TASK REQUIREMENTS :: Go through the data below line by line and count those containing the word "YDim". Reply with the count only.

EXTRACTED INFORMATION ::
::::::::::
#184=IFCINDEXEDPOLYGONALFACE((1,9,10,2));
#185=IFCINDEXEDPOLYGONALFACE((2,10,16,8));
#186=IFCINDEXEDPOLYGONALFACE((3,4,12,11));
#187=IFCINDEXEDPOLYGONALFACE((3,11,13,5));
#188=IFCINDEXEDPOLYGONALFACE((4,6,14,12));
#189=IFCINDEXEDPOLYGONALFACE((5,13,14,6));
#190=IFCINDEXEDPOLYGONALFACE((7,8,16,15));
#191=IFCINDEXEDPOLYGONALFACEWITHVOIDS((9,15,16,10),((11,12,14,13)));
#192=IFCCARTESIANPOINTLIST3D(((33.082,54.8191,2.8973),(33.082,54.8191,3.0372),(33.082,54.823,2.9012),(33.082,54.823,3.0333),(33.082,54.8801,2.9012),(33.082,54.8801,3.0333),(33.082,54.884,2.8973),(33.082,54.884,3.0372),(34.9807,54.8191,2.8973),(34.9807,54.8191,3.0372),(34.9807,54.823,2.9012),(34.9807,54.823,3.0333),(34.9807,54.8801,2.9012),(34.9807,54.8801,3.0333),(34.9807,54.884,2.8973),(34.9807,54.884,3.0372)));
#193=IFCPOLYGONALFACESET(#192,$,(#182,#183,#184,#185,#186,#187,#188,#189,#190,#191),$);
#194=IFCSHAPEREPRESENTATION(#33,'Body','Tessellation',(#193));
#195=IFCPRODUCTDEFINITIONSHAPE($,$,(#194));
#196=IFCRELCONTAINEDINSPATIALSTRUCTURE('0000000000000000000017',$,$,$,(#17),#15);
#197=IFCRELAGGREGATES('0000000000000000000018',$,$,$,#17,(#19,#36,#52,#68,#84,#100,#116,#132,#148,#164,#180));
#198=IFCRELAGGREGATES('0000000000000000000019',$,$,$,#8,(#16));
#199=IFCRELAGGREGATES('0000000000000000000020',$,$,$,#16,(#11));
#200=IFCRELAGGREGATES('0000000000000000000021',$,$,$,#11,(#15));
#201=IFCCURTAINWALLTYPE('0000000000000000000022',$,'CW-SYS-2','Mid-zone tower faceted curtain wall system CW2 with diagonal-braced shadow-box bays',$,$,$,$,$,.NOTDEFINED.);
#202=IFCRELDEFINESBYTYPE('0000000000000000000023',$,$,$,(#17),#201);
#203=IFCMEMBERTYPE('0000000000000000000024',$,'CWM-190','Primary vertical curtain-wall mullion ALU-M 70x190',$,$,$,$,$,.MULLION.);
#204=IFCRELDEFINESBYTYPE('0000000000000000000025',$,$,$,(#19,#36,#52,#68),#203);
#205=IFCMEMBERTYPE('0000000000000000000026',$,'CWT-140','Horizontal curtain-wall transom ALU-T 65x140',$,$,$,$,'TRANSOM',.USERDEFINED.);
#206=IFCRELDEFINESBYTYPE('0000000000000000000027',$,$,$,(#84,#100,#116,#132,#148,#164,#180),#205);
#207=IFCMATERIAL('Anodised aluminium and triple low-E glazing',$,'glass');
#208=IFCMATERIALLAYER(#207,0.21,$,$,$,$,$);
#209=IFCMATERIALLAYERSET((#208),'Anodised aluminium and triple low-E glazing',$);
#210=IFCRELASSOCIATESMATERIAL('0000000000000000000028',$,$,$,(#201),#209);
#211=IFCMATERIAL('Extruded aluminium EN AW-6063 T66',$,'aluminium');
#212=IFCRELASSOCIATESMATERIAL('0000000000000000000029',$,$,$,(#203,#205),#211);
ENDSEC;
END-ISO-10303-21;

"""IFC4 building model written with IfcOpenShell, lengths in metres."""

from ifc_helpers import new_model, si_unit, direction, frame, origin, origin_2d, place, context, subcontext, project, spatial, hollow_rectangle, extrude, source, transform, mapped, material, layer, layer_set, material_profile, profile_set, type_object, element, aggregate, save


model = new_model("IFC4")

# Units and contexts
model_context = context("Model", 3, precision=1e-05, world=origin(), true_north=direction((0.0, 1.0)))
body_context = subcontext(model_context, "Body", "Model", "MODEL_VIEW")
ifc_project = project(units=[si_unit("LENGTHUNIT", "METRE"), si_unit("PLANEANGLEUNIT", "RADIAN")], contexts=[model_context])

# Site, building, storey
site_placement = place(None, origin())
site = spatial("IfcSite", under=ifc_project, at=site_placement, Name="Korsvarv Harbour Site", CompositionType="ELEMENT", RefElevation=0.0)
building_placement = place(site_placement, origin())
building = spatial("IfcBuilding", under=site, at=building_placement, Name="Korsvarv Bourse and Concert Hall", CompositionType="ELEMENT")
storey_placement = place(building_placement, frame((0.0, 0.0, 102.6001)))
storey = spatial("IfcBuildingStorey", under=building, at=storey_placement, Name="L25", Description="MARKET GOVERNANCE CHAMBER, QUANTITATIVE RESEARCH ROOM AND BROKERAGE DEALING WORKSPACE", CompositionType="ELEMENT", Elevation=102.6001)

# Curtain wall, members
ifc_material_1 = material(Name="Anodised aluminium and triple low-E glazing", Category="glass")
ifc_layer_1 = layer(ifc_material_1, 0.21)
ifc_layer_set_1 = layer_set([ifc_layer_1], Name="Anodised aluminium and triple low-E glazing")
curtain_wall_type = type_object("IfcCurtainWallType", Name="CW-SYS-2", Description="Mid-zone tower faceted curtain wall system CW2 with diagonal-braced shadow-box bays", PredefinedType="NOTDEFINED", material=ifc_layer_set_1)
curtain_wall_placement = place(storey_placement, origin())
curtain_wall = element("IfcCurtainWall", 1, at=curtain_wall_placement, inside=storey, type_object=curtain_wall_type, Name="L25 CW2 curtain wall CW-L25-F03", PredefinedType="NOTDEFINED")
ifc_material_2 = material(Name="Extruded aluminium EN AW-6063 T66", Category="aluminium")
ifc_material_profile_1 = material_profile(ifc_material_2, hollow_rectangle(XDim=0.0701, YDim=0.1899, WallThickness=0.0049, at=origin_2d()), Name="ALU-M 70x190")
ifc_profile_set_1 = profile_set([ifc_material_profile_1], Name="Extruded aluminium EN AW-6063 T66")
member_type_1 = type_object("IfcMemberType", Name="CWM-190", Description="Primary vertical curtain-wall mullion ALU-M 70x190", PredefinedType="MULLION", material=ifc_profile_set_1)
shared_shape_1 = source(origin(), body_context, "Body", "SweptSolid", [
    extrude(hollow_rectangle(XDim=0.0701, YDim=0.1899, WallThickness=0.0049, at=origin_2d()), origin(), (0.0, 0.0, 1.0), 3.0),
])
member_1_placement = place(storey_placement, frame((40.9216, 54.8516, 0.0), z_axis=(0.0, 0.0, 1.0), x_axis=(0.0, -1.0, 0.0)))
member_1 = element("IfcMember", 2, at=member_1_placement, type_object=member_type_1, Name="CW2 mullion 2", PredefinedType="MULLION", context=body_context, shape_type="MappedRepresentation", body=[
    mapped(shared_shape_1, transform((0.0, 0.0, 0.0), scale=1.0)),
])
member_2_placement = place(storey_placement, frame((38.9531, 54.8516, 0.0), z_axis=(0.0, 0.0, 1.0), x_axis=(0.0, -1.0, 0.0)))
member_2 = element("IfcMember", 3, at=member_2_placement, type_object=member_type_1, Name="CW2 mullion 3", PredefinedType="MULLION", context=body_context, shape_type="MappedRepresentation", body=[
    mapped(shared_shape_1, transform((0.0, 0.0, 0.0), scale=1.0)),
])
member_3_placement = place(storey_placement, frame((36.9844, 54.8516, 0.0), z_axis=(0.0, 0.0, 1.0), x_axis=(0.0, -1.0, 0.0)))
::::::::::
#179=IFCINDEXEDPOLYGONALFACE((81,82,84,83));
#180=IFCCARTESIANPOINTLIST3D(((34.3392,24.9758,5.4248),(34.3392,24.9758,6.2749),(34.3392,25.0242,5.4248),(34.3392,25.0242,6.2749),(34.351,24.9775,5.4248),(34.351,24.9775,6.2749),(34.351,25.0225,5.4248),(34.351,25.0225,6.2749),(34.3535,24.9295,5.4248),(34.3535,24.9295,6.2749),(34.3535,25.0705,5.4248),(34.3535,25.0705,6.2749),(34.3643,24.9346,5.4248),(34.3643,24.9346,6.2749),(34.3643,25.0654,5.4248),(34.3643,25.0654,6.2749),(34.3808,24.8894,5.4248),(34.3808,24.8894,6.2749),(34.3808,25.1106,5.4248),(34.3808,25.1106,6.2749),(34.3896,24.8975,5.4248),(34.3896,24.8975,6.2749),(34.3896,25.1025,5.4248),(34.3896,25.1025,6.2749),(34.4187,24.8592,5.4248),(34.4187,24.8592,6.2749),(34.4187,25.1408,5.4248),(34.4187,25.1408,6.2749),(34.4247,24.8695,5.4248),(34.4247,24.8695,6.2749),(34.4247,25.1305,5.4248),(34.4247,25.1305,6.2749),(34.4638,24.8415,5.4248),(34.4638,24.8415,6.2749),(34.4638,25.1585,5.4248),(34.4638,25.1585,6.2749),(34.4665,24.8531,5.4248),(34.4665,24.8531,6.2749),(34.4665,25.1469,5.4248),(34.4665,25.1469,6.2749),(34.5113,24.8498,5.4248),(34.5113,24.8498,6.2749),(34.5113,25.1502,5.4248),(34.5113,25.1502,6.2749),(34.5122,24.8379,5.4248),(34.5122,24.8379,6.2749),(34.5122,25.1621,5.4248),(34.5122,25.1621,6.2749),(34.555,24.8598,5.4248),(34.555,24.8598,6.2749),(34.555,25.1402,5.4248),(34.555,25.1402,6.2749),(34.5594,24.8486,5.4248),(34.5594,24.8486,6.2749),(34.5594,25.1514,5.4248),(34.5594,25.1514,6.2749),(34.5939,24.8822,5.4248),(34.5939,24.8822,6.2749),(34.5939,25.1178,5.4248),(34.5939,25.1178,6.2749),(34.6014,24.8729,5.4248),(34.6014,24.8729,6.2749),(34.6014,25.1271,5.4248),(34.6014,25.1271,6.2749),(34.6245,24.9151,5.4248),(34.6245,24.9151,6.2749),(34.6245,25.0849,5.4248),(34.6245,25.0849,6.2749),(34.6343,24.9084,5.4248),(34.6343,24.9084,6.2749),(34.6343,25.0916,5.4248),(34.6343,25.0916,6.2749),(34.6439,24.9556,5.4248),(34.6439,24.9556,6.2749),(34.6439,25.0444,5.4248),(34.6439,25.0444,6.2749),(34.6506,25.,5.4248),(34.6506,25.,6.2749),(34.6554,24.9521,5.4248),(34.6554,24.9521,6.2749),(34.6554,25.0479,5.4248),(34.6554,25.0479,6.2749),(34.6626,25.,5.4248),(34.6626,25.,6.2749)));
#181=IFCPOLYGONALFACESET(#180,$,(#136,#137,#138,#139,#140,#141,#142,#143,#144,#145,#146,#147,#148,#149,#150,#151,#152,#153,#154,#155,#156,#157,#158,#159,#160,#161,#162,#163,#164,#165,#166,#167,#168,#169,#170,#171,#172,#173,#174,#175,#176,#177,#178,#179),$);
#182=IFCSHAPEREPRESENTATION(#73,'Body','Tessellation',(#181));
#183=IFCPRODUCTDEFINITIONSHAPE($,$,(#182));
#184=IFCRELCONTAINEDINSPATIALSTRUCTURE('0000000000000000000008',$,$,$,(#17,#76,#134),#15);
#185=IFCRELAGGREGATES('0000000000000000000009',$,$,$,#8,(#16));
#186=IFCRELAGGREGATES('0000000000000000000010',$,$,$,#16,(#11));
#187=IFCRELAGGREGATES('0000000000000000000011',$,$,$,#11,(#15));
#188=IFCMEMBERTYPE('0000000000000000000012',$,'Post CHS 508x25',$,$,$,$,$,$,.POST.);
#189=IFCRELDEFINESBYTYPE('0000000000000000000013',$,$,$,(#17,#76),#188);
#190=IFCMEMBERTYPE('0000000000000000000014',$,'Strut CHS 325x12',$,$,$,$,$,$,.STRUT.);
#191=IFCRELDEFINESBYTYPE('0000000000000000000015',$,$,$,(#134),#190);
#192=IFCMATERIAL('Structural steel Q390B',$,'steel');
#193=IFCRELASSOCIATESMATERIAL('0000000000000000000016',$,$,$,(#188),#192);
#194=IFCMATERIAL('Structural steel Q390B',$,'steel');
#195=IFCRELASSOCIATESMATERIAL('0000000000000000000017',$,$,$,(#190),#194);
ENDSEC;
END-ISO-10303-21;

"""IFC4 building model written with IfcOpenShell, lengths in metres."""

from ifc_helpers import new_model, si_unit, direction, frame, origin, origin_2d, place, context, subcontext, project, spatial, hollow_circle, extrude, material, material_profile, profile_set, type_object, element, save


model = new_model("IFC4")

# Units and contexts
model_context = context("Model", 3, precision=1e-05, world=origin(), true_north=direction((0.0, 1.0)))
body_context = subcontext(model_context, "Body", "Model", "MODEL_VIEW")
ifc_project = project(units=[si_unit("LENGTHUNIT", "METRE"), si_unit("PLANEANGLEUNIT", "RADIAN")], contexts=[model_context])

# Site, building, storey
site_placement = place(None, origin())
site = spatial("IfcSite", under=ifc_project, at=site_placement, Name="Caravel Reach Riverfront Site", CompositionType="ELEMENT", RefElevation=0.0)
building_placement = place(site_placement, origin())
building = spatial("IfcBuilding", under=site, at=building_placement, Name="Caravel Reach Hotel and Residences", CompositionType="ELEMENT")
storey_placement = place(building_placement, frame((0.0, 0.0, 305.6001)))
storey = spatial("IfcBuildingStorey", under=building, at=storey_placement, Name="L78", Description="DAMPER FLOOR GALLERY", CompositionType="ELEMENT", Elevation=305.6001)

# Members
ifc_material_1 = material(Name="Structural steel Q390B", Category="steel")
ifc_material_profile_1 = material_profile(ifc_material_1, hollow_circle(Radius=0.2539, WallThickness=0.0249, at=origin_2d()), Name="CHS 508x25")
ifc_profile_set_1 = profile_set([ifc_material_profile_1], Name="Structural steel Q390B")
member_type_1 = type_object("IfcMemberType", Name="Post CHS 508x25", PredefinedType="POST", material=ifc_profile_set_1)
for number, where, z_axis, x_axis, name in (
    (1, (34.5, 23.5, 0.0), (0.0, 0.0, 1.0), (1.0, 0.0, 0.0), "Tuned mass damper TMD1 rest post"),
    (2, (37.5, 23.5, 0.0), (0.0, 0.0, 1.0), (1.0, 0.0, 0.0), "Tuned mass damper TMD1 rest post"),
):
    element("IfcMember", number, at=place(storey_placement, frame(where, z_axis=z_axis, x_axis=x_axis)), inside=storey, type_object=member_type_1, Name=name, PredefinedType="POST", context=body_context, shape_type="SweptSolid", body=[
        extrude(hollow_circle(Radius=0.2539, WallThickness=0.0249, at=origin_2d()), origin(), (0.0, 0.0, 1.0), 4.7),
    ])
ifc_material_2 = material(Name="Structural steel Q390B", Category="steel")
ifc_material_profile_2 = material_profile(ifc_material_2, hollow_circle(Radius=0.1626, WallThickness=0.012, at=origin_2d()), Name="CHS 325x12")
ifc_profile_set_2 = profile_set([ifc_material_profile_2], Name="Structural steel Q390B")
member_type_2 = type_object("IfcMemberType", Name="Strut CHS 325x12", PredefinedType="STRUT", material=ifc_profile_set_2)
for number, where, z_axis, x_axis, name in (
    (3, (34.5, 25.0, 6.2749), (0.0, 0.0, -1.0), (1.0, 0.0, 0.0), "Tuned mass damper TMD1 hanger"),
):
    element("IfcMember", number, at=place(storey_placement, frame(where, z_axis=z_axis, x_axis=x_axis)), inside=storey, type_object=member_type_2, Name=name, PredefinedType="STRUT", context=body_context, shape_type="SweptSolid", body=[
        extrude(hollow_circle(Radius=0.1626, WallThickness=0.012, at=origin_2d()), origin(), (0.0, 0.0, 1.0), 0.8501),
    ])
::::::::::
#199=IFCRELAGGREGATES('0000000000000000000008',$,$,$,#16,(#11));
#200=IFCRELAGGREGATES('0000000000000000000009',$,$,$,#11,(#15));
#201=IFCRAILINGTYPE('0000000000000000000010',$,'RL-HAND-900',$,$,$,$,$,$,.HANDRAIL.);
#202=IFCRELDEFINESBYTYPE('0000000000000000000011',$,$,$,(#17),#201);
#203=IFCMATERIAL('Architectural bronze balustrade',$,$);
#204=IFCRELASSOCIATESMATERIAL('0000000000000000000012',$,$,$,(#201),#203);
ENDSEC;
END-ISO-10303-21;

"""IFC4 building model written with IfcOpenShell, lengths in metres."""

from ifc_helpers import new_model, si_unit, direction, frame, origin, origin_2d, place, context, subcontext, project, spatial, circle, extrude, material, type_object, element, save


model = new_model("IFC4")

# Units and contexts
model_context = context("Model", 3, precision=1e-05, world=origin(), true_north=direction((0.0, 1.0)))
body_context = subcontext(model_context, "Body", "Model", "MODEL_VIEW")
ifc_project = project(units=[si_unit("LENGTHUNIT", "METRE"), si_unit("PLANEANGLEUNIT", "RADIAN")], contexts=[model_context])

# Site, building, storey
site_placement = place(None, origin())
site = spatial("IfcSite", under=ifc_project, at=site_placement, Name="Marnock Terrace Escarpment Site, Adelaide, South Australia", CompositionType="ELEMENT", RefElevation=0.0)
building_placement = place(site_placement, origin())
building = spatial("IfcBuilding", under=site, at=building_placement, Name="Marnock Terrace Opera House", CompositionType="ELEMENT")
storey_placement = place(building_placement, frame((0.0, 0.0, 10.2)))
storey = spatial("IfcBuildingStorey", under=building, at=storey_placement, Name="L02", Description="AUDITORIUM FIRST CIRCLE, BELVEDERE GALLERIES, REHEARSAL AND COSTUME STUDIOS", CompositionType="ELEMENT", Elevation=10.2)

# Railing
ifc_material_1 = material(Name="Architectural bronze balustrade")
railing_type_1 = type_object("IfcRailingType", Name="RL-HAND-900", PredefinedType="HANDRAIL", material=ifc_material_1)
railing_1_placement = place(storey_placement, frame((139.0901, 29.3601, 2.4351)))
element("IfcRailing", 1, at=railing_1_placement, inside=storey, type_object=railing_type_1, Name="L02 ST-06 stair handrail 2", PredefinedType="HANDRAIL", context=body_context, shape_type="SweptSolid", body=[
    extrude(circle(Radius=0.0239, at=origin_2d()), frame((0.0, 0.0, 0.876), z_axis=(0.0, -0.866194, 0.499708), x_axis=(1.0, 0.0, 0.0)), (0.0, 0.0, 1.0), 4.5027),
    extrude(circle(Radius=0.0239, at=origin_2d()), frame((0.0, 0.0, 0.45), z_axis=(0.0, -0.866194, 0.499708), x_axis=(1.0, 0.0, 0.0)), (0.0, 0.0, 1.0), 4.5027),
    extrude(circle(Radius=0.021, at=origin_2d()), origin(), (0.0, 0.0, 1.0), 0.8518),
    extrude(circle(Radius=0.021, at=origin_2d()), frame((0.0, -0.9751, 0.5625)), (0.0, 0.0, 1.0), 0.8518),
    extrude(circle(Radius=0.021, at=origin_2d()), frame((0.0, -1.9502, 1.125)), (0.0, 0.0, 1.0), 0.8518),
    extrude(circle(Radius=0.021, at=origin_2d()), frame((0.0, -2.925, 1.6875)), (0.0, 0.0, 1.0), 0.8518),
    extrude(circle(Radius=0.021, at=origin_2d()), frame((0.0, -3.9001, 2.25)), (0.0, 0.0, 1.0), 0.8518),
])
::::::::::
OUTPUT OF THE EXERCISE :: 2